◆ **Exercise aim**: Find the word "Vitreous" in the records below. List each line containing it.

◆ **Records supplied**:
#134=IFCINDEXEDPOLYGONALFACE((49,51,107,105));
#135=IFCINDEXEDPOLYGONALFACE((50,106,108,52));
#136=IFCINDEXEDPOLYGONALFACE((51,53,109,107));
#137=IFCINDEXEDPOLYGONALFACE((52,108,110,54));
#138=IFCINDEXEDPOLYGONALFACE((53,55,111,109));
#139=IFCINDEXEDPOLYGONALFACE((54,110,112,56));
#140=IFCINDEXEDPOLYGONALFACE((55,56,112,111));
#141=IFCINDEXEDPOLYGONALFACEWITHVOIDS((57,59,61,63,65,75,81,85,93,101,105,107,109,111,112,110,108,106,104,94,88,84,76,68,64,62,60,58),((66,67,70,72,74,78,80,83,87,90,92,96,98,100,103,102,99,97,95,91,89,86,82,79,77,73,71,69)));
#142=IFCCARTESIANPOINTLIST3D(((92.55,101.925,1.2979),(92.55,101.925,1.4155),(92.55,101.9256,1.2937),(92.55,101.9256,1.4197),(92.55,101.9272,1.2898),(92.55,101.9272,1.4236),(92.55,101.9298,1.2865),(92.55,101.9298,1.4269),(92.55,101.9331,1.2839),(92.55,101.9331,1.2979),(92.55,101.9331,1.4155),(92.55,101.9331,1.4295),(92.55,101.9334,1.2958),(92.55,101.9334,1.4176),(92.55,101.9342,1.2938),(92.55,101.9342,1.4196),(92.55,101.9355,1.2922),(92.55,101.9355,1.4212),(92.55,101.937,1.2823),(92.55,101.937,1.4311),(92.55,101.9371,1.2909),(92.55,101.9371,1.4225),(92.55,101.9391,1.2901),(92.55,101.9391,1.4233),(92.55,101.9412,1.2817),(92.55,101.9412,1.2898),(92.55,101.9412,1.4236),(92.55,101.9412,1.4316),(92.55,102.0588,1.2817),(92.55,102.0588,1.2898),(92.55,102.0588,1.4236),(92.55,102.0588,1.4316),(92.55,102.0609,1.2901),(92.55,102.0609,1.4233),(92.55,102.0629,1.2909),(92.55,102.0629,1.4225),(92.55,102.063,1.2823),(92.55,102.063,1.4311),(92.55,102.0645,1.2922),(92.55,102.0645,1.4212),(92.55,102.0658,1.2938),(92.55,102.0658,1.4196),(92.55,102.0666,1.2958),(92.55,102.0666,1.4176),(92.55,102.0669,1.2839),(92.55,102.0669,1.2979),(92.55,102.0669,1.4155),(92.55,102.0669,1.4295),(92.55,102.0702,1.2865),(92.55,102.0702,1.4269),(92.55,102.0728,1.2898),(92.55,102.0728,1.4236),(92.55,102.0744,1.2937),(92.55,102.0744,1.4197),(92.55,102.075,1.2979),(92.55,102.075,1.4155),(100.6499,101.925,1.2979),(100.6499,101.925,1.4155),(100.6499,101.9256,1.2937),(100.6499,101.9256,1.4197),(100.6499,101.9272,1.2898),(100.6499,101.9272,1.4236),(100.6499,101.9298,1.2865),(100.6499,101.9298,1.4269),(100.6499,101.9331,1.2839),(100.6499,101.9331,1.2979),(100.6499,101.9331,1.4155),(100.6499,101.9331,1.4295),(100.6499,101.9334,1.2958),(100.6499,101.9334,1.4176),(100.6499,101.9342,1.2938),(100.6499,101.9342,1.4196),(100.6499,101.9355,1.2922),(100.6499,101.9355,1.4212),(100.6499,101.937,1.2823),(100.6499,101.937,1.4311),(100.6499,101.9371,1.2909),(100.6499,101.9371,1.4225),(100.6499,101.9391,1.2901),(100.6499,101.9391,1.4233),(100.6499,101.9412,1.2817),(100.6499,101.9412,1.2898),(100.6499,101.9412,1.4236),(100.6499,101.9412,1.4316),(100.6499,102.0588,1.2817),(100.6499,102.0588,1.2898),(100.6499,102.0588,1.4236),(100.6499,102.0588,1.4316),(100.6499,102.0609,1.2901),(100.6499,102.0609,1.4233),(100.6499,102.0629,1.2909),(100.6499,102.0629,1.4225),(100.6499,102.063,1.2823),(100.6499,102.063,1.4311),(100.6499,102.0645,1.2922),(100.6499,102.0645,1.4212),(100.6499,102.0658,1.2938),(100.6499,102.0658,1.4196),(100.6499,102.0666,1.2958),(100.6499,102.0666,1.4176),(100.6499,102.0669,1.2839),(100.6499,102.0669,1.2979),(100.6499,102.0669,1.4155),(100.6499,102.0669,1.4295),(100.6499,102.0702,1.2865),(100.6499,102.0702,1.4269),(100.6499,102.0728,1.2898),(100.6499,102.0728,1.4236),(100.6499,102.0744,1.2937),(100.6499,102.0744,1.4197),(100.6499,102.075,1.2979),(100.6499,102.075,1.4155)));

==

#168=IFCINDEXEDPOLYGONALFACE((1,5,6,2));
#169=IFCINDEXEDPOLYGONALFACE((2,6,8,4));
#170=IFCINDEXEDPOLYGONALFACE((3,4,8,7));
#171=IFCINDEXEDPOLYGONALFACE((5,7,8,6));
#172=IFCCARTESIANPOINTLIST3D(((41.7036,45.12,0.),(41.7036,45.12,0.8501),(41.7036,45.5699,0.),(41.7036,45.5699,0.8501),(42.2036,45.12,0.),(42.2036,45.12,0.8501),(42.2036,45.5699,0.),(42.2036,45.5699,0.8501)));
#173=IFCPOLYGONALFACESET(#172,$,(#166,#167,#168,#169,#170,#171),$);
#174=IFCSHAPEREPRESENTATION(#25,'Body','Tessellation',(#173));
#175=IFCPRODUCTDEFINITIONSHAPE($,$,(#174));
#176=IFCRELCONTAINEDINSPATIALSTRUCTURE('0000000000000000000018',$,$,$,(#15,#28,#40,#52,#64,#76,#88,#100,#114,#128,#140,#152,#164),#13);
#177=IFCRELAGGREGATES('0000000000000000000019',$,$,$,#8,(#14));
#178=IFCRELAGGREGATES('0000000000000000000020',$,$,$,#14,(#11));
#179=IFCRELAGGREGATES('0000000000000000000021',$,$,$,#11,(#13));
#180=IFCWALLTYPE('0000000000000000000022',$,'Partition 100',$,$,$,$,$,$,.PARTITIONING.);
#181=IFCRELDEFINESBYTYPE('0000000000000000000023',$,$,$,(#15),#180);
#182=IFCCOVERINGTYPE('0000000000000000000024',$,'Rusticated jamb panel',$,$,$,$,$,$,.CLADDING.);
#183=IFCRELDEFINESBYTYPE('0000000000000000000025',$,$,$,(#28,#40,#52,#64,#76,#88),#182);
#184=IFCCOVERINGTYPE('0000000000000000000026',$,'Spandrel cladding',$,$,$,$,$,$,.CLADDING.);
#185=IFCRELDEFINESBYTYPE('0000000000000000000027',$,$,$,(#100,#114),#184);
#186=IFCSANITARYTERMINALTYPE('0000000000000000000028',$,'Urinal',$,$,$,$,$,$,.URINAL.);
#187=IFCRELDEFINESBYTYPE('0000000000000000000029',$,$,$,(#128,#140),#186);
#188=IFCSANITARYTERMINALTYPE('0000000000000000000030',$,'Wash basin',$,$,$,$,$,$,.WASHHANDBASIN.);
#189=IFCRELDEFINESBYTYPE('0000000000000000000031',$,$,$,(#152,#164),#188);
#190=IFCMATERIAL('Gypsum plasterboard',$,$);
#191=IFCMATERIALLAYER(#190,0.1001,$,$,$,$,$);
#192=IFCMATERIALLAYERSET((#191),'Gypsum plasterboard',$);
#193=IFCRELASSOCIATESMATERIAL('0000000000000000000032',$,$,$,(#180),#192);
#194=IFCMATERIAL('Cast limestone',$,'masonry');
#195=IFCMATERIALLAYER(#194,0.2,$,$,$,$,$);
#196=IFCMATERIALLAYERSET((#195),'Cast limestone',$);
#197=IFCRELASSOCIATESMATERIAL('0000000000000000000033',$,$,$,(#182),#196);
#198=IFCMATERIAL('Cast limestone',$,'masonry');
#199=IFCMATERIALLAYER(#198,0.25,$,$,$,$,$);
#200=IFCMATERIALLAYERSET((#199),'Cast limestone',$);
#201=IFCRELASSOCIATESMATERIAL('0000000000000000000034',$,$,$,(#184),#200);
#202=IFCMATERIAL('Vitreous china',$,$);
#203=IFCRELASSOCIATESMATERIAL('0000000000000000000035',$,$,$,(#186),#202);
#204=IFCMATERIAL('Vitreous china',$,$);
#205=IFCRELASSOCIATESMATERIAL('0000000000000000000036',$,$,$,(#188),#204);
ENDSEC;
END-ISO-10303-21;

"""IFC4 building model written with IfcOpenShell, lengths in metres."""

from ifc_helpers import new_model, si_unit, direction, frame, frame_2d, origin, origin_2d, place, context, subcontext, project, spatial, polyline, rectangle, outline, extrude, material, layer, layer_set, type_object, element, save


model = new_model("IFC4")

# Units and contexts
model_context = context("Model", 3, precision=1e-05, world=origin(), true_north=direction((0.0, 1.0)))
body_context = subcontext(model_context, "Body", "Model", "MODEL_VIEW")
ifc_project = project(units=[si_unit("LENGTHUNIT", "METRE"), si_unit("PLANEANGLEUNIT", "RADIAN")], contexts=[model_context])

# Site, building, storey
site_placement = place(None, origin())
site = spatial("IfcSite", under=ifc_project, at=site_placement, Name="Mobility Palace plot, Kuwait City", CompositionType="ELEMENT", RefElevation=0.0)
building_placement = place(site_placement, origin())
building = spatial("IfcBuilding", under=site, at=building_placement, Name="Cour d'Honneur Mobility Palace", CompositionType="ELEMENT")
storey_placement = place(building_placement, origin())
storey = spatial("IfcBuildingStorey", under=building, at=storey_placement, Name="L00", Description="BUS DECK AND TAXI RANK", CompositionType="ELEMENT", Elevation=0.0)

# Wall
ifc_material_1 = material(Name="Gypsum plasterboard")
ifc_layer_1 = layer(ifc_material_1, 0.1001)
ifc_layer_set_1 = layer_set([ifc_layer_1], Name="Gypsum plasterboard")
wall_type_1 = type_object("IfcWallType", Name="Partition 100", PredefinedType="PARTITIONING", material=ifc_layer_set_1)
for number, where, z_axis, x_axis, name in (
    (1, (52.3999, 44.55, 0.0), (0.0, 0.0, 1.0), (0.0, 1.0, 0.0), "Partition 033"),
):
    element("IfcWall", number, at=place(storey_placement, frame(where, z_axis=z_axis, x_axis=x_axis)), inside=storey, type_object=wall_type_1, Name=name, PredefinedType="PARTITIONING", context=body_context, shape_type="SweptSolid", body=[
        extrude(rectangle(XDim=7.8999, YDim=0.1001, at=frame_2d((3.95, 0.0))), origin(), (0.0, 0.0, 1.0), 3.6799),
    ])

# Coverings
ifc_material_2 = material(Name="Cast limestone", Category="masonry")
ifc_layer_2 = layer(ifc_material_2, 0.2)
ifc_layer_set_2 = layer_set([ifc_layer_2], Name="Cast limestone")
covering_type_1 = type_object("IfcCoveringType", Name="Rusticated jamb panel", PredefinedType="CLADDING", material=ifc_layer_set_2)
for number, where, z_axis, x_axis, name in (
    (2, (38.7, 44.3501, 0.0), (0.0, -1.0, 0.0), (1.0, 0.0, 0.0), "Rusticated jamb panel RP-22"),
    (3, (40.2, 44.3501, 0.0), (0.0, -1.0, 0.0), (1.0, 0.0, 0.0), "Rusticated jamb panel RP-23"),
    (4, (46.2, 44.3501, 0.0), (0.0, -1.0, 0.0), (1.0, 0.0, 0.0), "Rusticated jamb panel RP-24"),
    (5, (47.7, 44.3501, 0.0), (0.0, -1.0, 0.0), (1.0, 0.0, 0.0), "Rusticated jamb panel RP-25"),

* * *

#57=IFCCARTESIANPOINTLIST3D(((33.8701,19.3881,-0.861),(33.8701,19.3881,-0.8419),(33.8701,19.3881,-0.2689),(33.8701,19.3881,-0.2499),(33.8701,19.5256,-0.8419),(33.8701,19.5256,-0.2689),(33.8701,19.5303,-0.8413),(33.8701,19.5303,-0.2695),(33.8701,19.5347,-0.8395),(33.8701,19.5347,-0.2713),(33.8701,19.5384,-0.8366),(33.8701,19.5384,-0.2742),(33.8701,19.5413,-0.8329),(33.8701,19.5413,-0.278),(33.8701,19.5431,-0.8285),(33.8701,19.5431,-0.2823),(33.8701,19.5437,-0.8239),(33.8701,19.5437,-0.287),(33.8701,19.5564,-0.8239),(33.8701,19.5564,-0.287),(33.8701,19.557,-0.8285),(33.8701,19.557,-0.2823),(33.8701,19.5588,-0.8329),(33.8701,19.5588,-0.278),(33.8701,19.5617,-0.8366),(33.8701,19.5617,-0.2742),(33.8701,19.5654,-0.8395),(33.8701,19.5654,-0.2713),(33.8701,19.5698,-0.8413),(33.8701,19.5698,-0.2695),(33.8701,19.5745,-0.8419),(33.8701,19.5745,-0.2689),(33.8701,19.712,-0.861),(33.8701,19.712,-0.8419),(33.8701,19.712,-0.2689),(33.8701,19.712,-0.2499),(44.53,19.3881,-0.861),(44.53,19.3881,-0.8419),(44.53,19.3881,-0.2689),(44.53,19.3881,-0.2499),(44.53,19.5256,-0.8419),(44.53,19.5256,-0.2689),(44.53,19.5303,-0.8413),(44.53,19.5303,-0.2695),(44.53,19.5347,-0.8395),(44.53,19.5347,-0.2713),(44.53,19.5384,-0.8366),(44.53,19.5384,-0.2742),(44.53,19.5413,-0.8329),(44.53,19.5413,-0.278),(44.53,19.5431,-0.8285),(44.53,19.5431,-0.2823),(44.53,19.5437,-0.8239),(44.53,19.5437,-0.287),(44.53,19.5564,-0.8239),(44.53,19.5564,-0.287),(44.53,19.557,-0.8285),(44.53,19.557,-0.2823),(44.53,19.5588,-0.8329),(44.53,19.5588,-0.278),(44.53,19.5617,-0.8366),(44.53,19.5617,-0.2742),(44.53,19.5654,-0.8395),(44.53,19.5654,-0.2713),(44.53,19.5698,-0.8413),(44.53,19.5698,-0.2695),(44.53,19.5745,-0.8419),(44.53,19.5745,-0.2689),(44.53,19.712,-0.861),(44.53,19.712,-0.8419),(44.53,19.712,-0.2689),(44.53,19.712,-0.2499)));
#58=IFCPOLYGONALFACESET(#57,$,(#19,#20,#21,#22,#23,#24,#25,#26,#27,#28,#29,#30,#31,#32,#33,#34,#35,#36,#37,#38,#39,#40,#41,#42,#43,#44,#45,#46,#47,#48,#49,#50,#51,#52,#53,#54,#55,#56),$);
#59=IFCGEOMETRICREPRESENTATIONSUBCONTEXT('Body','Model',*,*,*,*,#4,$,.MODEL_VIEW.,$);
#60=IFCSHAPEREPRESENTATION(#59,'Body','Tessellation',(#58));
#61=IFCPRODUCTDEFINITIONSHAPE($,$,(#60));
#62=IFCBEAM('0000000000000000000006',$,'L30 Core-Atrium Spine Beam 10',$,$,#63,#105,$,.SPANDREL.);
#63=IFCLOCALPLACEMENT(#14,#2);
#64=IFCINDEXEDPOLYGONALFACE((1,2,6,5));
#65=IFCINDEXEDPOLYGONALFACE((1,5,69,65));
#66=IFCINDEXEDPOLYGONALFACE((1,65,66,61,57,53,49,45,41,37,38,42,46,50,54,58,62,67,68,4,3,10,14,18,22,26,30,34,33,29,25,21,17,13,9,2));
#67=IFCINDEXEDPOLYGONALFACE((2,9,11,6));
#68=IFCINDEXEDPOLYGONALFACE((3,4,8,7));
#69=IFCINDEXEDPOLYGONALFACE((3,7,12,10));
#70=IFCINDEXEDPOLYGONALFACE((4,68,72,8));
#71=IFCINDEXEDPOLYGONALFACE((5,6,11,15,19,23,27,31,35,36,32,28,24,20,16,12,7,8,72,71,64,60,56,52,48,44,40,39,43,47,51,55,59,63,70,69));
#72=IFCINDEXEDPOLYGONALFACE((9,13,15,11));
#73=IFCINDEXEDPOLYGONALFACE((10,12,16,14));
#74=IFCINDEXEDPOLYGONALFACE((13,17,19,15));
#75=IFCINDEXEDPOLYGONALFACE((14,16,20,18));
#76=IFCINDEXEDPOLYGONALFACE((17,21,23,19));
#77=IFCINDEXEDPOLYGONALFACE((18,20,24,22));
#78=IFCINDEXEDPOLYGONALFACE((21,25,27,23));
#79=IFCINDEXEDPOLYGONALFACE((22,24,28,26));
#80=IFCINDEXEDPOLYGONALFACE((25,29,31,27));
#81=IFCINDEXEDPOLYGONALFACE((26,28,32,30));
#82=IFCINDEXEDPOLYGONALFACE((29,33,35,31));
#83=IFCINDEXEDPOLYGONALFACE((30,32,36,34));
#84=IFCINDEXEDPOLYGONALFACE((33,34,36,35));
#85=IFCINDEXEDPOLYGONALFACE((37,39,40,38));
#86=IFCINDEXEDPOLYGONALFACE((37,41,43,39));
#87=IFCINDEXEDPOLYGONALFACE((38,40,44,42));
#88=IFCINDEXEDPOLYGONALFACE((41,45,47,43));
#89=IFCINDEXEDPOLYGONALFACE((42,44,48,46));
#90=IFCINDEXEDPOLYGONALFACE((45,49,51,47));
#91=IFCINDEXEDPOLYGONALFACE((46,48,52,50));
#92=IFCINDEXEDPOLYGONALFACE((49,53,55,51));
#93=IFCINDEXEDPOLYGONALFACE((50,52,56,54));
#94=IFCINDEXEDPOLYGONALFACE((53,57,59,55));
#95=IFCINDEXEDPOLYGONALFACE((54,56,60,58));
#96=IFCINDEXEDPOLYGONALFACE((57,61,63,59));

◆ **Completed task**:
#202=IFCMATERIAL('Vitreous china',$,$);
#204=IFCMATERIAL('Vitreous china',$,$);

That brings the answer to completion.